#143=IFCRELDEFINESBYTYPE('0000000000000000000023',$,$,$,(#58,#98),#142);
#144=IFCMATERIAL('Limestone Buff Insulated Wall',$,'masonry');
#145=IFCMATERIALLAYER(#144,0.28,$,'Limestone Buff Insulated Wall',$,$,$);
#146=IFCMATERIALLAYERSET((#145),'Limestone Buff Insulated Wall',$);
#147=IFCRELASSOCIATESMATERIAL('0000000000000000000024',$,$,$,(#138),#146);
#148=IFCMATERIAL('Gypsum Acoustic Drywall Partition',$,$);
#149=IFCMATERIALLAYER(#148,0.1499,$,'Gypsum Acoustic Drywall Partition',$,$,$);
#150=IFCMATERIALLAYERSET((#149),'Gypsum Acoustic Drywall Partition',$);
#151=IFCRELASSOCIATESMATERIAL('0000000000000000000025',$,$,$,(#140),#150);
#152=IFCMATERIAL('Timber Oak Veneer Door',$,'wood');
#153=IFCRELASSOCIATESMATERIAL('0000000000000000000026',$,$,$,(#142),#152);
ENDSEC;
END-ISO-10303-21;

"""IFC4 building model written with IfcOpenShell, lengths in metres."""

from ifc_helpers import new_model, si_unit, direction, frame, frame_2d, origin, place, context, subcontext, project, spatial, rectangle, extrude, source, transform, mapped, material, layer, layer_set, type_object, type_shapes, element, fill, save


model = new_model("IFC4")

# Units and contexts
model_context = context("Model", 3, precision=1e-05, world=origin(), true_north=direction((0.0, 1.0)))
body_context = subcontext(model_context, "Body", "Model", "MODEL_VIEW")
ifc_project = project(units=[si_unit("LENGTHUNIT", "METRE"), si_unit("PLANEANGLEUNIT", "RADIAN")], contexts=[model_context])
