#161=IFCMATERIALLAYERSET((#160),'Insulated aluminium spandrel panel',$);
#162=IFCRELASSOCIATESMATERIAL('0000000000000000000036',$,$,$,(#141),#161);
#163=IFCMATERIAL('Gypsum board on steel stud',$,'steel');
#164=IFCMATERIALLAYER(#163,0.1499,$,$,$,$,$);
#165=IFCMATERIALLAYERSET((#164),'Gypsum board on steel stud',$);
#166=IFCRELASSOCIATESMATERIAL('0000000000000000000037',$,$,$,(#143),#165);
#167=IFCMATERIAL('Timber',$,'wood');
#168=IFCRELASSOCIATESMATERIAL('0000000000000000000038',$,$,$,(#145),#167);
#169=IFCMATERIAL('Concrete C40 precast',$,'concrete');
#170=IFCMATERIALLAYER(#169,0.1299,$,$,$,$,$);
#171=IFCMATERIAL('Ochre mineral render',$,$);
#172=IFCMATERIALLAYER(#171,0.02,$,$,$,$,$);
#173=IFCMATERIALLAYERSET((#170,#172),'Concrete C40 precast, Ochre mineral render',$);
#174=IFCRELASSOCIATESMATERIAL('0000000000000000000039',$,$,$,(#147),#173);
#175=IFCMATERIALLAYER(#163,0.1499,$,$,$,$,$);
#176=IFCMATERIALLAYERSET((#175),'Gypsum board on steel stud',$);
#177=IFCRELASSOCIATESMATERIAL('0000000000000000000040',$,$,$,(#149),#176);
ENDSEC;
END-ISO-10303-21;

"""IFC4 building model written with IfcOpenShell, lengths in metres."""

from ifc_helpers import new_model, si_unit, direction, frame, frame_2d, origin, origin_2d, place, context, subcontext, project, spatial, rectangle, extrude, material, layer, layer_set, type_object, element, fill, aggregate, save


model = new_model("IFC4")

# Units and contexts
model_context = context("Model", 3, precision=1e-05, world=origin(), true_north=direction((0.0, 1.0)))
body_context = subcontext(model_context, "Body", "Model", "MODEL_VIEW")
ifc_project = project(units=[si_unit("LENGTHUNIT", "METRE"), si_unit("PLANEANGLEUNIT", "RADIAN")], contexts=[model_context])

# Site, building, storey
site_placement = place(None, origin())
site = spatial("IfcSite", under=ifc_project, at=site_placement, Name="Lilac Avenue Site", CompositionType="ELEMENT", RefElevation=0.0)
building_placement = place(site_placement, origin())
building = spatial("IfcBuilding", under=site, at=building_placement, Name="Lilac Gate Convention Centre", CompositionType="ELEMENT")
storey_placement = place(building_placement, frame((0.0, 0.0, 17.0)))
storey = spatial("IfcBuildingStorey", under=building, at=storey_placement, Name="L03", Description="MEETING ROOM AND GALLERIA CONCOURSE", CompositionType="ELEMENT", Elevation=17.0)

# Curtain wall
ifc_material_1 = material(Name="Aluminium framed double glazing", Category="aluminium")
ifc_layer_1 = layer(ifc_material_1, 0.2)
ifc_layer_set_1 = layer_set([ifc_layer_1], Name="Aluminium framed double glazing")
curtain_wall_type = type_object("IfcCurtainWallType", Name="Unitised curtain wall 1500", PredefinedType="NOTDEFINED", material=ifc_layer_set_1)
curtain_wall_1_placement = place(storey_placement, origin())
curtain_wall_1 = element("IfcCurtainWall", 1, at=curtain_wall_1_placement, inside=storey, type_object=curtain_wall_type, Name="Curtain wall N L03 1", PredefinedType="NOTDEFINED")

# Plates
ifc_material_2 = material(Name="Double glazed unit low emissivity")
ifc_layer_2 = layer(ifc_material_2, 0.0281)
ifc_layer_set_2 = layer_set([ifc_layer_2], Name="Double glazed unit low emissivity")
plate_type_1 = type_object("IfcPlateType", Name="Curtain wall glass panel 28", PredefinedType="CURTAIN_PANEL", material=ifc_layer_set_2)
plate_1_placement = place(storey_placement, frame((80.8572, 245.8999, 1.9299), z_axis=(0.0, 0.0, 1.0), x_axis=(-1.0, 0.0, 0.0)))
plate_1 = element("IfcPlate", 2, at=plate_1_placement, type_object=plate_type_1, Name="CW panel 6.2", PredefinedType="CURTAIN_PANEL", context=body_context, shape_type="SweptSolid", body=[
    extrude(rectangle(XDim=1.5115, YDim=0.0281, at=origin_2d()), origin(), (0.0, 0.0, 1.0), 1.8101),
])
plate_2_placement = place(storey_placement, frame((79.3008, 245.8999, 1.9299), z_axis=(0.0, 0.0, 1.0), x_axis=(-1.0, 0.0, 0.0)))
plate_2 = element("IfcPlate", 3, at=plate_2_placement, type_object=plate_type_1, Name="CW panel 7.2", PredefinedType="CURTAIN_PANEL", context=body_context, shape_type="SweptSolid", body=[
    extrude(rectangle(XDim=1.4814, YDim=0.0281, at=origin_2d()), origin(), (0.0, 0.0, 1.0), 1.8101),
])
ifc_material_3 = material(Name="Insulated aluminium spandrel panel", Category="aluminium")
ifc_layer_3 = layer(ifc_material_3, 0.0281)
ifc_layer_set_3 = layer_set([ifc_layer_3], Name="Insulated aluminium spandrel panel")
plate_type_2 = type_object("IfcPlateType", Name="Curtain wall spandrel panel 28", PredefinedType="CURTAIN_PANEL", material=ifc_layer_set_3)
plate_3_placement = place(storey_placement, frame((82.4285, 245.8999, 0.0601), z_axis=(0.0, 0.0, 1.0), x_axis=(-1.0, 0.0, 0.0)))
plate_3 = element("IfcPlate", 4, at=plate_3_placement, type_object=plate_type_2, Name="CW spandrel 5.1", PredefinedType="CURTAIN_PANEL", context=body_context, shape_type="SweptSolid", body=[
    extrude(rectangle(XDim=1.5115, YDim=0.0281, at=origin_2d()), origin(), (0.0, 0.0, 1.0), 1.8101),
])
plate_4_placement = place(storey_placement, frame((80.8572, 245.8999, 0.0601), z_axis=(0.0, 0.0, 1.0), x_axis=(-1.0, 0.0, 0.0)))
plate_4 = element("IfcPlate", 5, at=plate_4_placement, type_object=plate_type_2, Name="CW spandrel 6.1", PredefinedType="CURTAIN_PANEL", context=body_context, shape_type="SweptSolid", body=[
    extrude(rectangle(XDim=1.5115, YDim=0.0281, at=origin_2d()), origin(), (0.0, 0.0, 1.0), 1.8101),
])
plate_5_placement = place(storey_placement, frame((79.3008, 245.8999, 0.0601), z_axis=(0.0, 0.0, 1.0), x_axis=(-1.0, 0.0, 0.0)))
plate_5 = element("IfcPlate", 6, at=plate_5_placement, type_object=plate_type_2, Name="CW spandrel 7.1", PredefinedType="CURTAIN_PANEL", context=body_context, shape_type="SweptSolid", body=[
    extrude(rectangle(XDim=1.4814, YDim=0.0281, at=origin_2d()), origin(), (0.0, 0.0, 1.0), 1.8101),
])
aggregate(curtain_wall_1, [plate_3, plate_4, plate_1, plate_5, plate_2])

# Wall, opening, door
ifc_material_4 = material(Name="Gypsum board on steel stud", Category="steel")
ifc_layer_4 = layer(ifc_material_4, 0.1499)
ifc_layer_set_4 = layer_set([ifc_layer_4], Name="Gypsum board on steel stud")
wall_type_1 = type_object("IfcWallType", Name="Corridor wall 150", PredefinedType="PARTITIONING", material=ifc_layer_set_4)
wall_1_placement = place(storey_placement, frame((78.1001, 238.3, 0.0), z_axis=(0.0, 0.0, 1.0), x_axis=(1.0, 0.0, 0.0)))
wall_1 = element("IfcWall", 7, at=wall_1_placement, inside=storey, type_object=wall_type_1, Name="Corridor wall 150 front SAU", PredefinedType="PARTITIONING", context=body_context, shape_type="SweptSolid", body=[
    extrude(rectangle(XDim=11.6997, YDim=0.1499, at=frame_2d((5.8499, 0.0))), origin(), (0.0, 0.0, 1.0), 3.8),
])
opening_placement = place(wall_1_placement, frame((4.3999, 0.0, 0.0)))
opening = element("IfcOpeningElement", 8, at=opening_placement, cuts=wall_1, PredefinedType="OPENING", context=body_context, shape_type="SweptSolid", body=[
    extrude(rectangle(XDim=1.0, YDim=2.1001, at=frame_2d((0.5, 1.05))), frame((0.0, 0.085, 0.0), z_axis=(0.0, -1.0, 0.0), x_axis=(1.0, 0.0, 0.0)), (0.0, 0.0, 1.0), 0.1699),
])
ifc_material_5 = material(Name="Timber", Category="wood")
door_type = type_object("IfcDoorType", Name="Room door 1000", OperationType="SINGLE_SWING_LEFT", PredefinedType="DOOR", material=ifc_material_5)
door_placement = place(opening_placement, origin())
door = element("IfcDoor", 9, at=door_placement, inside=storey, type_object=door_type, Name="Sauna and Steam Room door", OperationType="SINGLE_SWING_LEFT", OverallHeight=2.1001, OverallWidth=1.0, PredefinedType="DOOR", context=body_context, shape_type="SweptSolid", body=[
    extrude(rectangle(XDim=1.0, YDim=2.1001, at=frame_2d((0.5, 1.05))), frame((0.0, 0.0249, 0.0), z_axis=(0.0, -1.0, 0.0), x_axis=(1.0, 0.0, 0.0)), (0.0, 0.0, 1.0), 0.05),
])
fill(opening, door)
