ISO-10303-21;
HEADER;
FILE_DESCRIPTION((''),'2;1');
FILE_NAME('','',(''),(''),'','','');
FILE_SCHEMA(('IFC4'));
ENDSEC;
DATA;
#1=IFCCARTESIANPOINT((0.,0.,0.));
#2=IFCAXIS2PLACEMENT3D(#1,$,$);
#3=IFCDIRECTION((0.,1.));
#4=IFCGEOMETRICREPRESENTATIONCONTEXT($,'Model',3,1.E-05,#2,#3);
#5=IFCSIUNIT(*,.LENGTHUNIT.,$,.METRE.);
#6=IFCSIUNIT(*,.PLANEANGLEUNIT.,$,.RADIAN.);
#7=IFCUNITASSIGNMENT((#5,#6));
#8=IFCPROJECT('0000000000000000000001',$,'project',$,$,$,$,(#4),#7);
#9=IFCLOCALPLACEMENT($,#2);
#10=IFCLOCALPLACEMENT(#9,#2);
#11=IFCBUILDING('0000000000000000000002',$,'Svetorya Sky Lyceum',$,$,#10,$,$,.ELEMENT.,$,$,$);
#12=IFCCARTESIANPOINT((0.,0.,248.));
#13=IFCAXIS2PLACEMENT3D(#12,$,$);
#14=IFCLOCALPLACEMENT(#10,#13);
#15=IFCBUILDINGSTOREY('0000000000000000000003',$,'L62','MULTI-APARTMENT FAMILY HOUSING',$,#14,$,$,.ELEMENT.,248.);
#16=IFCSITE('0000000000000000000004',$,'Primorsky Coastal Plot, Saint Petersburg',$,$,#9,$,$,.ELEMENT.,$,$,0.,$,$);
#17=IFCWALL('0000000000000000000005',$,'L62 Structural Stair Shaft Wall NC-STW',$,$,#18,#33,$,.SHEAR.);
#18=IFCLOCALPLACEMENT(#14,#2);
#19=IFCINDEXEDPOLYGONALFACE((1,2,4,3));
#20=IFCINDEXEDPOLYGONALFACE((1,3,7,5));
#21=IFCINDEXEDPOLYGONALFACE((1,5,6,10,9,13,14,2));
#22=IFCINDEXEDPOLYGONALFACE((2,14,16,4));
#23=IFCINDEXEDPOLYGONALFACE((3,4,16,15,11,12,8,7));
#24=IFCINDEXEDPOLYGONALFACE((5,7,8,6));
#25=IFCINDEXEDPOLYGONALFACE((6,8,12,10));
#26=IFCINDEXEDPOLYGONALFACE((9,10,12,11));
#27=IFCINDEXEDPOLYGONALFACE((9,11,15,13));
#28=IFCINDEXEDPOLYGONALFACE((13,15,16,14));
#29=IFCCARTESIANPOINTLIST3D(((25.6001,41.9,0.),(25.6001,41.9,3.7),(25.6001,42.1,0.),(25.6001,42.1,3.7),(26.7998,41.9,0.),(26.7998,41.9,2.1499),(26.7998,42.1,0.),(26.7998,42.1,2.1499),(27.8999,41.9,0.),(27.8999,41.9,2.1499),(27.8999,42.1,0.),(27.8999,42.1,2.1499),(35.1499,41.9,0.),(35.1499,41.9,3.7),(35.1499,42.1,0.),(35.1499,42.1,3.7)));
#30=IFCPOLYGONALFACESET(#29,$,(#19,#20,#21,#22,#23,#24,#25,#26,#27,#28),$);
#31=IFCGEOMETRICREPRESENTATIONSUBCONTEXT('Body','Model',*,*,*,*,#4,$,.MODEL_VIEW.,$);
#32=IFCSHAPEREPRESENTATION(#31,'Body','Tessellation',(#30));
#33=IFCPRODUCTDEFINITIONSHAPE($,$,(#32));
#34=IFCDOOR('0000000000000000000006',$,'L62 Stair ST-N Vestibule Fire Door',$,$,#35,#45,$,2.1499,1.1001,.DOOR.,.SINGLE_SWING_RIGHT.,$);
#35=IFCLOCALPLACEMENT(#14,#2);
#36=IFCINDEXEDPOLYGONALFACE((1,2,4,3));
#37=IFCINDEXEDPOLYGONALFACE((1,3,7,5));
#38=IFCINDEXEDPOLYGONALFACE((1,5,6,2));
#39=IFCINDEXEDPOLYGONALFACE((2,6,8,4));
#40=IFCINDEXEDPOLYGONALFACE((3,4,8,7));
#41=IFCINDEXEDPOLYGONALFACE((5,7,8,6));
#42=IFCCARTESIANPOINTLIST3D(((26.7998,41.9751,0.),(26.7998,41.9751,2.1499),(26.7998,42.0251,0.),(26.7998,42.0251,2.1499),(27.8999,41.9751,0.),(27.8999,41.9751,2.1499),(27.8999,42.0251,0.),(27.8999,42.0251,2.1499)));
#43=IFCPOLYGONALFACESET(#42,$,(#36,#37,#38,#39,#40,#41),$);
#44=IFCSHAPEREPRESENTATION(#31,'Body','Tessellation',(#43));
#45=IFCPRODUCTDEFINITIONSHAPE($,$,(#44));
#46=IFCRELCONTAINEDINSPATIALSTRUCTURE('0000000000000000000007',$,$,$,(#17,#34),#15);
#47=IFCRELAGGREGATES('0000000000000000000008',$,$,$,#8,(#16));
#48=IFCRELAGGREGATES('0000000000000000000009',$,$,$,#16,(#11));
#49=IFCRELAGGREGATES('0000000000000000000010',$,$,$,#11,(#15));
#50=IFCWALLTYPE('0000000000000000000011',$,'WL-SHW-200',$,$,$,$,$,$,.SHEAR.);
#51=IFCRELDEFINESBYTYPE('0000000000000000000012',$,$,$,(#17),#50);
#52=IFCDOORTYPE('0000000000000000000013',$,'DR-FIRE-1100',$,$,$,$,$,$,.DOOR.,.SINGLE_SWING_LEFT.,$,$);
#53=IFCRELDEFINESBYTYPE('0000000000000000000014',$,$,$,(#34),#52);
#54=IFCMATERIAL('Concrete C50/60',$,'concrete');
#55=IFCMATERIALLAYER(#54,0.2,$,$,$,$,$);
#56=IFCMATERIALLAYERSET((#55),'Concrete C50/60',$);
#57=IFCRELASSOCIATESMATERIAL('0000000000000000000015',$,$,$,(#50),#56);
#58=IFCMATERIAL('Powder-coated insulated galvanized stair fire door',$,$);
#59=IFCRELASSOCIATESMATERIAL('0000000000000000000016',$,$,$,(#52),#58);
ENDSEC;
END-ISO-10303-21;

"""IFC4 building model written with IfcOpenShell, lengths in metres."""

from ifc_helpers import new_model, si_unit, direction, frame, frame_2d, origin, place, context, subcontext, project, spatial, rectangle, extrude, material, layer, layer_set, type_object, element, fill, save


model = new_model("IFC4")

# Units and contexts
model_context = context("Model", 3, precision=1e-05, world=origin(), true_north=direction((0.0, 1.0)))
body_context = subcontext(model_context, "Body", "Model", "MODEL_VIEW")
ifc_project = project(units=[si_unit("LENGTHUNIT", "METRE"), si_unit("PLANEANGLEUNIT", "RADIAN")], contexts=[model_context])

# Site, building, storey
site_placement = place(None, origin())
site = spatial("IfcSite", under=ifc_project, at=site_placement, Name="Primorsky Coastal Plot, Saint Petersburg", CompositionType="ELEMENT", RefElevation=0.0)
building_placement = place(site_placement, origin())
building = spatial("IfcBuilding", under=site, at=building_placement, Name="Svetorya Sky Lyceum", CompositionType="ELEMENT")
storey_placement = place(building_placement, frame((0.0, 0.0, 248.0)))
storey = spatial("IfcBuildingStorey", under=building, at=storey_placement, Name="L62", Description="MULTI-APARTMENT FAMILY HOUSING", CompositionType="ELEMENT", Elevation=248.0)

# Shared definitions
ifc_material_1 = material(Name="Concrete C50/60", Category="concrete")

# Wall, opening, door
ifc_layer_1 = layer(ifc_material_1, 0.2)
ifc_layer_set_1 = layer_set([ifc_layer_1], Name="Concrete C50/60")
wall_type_1 = type_object("IfcWallType", Name="WL-SHW-200", PredefinedType="SHEAR", material=ifc_layer_set_1)
wall_1_placement = place(storey_placement, frame((35.1499, 42.0, 0.0), z_axis=(0.0, 0.0, 1.0), x_axis=(-1.0, 0.0, 0.0)))
wall_1 = element("IfcWall", 1, at=wall_1_placement, inside=storey, type_object=wall_type_1, Name="L62 Structural Stair Shaft Wall NC-STW", PredefinedType="SHEAR", context=body_context, shape_type="SweptSolid", body=[
    extrude(rectangle(XDim=9.5498, YDim=0.2, at=frame_2d((4.7749, 0.0))), origin(), (0.0, 0.0, 1.0), 3.7),
])
opening_1_placement = place(wall_1_placement, frame((7.25, 0.0, 0.0)))
opening_1 = element("IfcOpeningElement", 2, at=opening_1_placement, cuts=wall_1, PredefinedType="OPENING", context=body_context, shape_type="SweptSolid", body=[
    extrude(rectangle(XDim=1.1001, YDim=2.1499, at=frame_2d((0.55, 1.075))), frame((0.0, 0.1099, 0.0), z_axis=(0.0, -1.0, 0.0), x_axis=(1.0, 0.0, 0.0)), (0.0, 0.0, 1.0), 0.22),
])
ifc_material_2 = material(Name="Powder-coated insulated galvanized stair fire door")
door_type_1 = type_object("IfcDoorType", Name="DR-FIRE-1100", OperationType="SINGLE_SWING_LEFT", PredefinedType="DOOR", material=ifc_material_2)
door_1_placement = place(opening_1_placement, origin())
door_1 = element("IfcDoor", 3, at=door_1_placement, inside=storey, type_object=door_type_1, Name="L62 Stair ST-N Vestibule Fire Door", OperationType="SINGLE_SWING_RIGHT", OverallHeight=2.1499, OverallWidth=1.1001, PredefinedType="DOOR", context=body_context, shape_type="SweptSolid", body=[
    extrude(rectangle(XDim=1.1001, YDim=2.1499, at=frame_2d((0.55, 1.075))), frame((0.0, 0.0249, 0.0), z_axis=(0.0, -1.0, 0.0), x_axis=(1.0, 0.0, 0.0)), (0.0, 0.0, 1.0), 0.05),
])
fill(opening_1, door_1)

save(model, "model.ifc")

Required work:
Copy out each line of the listing that holds "Acoustic".

Output for this task:
#148=IFCMATERIAL('Gypsum Acoustic Drywall Partition',$,$);
#149=IFCMATERIALLAYER(#148,0.1499,$,'Gypsum Acoustic Drywall Partition',$,$,$);
#150=IFCMATERIALLAYERSET((#149),'Gypsum Acoustic Drywall Partition',$);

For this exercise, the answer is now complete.